**Required action:** Once you have located the line containing "#135=IFCRELAGGREGATES('0000000000000000000013',$,$,$,#8,(#16));" in the material below, return it exactly along with each line after it through the line containing "#137=IFCRELAGGREGATES('0000000000000000000015',$,$,$,#11,(#15));".

**Extracted data:**
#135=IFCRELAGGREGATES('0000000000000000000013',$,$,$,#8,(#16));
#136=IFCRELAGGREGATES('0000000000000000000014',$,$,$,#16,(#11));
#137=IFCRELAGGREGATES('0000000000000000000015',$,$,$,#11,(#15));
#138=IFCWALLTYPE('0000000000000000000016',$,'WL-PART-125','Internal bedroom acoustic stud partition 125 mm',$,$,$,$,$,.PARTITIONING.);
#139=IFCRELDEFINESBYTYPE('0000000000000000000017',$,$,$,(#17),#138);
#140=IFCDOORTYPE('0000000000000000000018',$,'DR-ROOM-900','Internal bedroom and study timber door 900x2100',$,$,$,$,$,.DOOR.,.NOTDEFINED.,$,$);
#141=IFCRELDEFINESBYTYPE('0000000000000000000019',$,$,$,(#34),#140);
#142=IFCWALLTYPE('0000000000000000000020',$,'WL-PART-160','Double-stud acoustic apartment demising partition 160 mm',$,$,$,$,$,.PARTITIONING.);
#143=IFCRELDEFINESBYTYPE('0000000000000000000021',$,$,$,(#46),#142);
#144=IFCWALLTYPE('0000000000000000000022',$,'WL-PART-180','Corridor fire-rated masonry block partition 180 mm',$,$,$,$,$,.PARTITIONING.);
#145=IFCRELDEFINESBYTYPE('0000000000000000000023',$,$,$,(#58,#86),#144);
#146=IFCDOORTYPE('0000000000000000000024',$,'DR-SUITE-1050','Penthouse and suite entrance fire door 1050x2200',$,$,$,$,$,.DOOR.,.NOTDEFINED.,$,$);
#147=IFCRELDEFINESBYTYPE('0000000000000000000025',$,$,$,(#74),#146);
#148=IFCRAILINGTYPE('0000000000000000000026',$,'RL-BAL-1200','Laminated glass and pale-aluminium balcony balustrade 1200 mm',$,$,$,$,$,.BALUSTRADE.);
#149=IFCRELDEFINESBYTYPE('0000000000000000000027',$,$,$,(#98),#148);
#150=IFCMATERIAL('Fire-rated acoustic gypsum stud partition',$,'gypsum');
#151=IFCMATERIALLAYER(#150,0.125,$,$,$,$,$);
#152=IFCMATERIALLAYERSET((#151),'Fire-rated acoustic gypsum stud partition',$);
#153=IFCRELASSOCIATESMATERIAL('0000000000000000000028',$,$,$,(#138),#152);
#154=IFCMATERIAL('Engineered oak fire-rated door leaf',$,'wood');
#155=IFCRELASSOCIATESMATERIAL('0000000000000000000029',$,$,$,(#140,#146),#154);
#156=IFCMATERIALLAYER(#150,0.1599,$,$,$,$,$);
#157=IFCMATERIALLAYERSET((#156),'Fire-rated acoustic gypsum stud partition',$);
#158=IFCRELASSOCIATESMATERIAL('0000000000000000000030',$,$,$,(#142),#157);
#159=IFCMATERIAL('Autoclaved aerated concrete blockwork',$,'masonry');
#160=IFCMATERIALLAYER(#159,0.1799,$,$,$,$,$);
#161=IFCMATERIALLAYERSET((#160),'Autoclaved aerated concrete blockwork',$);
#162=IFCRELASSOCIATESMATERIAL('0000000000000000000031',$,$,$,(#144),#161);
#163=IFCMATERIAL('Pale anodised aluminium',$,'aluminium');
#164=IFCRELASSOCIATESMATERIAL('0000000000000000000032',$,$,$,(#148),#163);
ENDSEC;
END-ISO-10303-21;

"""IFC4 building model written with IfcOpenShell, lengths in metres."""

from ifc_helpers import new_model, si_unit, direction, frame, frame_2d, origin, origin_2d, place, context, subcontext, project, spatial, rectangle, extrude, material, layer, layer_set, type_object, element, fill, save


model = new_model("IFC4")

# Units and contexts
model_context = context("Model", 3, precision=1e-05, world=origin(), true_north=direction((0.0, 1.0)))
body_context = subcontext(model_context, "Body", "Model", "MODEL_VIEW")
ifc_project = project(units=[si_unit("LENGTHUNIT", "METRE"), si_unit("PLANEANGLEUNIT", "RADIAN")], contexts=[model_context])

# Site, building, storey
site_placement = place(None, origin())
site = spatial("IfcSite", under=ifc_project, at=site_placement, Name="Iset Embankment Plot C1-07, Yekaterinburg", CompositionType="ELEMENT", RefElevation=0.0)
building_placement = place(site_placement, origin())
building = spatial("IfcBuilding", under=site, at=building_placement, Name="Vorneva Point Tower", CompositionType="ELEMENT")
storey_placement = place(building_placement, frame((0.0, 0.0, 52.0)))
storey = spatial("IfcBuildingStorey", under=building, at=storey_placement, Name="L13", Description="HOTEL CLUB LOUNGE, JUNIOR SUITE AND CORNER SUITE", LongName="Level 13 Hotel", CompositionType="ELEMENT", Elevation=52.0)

* * *

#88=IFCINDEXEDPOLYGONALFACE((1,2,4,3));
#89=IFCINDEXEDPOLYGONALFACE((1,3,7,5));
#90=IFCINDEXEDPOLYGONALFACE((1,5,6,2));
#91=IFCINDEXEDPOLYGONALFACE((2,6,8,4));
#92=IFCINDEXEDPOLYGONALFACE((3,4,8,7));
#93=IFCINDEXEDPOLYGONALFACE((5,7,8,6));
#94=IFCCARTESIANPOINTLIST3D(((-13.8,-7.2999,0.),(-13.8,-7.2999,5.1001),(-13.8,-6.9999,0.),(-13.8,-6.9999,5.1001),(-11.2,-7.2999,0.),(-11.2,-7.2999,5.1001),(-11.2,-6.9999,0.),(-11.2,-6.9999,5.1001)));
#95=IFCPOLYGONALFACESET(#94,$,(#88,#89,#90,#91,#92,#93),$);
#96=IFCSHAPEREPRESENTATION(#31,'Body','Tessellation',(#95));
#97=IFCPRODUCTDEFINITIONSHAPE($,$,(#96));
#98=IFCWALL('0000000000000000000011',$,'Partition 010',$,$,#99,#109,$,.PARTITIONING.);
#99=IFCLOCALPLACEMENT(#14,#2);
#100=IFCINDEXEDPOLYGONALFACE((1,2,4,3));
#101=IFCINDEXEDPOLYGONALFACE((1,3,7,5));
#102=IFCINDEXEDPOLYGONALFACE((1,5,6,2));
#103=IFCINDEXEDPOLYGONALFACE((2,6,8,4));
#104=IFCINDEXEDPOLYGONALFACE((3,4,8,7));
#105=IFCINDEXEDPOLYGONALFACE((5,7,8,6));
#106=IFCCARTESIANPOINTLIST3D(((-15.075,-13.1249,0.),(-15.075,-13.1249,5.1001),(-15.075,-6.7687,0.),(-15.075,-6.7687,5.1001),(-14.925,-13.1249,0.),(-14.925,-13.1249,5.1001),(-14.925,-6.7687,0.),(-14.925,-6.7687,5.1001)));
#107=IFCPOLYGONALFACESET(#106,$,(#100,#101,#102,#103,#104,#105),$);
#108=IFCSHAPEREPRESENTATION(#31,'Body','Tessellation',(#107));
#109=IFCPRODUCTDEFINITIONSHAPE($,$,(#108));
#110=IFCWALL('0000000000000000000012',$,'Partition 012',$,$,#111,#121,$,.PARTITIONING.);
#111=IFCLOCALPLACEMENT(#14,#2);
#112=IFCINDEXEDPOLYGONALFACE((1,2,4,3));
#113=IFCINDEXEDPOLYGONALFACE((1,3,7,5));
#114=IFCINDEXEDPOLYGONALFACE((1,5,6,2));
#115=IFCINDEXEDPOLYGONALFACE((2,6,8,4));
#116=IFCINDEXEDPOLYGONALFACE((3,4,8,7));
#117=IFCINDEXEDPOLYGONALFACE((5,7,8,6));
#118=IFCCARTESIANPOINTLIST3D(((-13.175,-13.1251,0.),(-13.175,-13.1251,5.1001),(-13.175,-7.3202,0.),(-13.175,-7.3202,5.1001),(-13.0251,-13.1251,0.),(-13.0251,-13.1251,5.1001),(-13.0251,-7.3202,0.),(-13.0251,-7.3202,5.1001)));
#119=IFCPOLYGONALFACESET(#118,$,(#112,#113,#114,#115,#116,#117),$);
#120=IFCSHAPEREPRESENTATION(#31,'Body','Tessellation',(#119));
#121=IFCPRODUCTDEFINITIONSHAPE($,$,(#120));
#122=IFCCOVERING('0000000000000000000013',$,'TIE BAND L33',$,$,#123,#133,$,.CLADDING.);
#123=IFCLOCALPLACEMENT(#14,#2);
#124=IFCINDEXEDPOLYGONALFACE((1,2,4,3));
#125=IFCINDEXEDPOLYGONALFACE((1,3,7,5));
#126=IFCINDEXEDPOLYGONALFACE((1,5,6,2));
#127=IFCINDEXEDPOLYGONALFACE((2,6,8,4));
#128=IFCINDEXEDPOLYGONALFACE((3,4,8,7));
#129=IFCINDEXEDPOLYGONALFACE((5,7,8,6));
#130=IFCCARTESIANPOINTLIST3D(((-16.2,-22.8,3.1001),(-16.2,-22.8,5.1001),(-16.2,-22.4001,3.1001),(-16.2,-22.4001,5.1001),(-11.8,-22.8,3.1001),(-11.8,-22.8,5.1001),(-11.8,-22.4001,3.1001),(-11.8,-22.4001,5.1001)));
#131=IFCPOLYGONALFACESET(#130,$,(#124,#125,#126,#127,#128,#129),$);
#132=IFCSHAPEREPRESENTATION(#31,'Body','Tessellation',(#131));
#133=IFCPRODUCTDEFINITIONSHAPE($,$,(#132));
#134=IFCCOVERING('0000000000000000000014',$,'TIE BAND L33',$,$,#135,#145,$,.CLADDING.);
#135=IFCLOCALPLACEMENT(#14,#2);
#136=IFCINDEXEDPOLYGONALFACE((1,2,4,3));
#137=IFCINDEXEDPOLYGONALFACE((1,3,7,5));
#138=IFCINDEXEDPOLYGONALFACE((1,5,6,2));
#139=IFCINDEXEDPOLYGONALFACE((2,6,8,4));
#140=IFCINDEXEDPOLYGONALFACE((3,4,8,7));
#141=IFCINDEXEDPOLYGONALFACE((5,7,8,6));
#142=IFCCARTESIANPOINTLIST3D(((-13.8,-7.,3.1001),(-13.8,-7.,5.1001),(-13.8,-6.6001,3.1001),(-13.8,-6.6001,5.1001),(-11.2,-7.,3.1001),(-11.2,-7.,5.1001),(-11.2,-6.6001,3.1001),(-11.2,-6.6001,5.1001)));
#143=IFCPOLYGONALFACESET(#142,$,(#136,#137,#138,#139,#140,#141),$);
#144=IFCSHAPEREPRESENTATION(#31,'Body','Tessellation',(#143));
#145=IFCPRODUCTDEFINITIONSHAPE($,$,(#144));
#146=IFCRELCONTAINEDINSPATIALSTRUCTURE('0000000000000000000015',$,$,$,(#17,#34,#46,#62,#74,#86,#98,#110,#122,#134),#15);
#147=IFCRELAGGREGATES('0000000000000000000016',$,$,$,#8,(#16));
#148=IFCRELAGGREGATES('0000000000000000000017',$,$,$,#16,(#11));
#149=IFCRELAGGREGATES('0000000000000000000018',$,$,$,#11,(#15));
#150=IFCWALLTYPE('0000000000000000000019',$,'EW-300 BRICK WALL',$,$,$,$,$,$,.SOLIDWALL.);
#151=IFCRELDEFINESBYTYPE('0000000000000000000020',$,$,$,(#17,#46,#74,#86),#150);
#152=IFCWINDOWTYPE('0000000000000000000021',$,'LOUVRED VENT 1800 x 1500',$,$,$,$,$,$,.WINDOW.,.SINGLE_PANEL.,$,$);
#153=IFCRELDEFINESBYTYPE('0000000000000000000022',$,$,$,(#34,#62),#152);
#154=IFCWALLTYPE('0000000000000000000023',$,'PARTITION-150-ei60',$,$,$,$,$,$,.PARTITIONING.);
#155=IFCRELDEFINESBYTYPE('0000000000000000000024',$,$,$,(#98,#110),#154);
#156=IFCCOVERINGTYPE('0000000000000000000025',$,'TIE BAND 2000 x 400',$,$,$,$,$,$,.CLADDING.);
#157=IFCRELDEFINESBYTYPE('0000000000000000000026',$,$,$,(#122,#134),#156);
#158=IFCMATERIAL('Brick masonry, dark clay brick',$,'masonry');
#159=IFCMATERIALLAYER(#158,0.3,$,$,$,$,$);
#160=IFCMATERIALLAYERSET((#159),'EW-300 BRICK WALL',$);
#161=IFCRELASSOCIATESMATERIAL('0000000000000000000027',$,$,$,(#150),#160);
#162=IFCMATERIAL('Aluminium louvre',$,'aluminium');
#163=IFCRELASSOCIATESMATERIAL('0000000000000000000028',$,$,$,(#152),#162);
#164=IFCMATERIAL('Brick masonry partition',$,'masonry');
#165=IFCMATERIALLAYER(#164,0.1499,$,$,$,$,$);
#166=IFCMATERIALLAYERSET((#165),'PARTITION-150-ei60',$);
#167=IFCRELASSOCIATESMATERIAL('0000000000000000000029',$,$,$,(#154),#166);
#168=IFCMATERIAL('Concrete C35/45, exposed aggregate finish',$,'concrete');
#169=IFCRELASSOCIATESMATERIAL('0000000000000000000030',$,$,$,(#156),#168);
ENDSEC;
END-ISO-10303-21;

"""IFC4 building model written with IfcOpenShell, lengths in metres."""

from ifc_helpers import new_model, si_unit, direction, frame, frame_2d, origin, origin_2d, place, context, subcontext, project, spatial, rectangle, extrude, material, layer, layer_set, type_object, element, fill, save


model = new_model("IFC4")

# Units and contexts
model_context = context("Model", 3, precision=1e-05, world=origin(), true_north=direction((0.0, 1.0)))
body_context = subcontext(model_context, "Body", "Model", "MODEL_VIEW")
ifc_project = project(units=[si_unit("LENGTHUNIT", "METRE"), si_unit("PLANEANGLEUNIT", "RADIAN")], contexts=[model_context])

**Result of the exercise:**
#135=IFCRELAGGREGATES('0000000000000000000013',$,$,$,#8,(#16));
#136=IFCRELAGGREGATES('0000000000000000000014',$,$,$,#16,(#11));
#137=IFCRELAGGREGATES('0000000000000000000015',$,$,$,#11,(#15));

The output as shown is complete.